### Work item
From the entries below, list each line with "origin".

[[ Exercise inputs, beginning ]]

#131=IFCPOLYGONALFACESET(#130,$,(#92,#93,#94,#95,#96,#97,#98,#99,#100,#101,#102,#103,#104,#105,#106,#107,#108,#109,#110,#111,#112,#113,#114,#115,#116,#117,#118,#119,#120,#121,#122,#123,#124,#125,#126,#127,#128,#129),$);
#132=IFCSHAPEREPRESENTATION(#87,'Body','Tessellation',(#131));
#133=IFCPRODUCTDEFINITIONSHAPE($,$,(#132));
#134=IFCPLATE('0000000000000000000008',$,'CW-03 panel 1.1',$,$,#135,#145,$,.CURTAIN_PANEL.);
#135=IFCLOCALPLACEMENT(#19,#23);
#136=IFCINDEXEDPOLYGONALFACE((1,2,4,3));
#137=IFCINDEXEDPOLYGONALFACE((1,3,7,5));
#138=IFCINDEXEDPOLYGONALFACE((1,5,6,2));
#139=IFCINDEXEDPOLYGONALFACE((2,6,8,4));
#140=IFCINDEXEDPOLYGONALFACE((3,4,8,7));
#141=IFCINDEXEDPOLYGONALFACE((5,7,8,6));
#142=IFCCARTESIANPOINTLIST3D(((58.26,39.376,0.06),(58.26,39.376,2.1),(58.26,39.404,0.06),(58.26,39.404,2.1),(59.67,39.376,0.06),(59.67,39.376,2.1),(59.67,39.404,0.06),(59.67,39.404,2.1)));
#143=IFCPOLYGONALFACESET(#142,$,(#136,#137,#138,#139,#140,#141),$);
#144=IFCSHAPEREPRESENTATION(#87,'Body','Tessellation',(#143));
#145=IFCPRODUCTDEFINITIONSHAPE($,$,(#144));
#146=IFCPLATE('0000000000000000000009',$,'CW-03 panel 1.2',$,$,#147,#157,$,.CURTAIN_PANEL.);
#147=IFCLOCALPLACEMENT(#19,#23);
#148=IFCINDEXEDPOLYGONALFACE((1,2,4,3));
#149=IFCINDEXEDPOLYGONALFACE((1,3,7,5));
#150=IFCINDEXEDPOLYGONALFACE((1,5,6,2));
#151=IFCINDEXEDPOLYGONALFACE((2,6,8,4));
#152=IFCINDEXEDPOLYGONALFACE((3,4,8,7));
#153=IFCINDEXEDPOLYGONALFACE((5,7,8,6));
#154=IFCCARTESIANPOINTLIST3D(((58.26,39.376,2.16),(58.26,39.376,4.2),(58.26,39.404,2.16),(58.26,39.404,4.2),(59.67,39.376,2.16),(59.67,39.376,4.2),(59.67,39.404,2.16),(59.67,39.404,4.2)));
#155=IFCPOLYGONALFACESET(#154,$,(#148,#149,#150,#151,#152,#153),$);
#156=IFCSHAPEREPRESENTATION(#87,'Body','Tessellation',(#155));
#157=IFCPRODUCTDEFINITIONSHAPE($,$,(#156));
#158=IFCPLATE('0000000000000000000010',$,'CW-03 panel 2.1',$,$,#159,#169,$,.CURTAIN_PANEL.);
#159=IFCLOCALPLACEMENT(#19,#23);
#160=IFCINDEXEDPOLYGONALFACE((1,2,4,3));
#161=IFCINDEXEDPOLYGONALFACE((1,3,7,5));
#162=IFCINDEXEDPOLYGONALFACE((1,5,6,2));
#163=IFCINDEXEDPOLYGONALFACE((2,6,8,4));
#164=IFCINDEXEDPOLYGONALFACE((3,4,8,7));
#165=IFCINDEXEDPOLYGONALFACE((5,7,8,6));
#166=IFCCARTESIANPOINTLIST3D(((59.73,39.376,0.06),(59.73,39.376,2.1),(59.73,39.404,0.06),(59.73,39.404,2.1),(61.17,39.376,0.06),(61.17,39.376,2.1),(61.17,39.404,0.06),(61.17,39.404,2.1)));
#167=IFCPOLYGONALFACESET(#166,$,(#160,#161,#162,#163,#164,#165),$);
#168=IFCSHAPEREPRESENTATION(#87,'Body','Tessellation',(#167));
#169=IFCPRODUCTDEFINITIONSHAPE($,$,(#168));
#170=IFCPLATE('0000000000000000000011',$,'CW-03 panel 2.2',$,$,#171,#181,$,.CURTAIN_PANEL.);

[[ Exercise inputs, end ]]
[[ Exercise inputs, beginning ]]

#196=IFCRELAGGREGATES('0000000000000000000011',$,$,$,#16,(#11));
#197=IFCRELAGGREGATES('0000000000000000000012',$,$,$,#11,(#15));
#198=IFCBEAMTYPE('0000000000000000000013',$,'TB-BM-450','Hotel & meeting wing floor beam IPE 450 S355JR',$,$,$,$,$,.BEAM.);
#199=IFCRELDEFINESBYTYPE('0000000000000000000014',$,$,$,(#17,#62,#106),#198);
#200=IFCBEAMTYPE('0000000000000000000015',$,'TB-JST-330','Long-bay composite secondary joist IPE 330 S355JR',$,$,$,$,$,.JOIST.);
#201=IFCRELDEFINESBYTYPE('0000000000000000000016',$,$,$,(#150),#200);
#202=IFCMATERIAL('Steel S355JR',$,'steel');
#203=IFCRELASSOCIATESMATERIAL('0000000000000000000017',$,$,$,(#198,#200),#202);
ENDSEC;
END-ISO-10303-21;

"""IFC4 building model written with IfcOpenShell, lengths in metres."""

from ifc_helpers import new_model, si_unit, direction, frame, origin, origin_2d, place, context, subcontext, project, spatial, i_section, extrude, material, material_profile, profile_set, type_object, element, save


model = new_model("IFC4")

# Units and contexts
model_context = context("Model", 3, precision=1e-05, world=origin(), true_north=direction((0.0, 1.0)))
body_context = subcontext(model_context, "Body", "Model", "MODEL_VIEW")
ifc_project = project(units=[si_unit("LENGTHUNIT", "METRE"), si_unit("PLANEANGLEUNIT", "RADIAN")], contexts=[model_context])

[[ Exercise inputs, end ]]

### Finished exercise
from ifc_helpers import new_model, si_unit, direction, frame, origin, origin_2d, place, context, subcontext, project, spatial, i_section, extrude, material, material_profile, profile_set, type_object, element, save
model_context = context("Model", 3, precision=1e-05, world=origin(), true_north=direction((0.0, 1.0)))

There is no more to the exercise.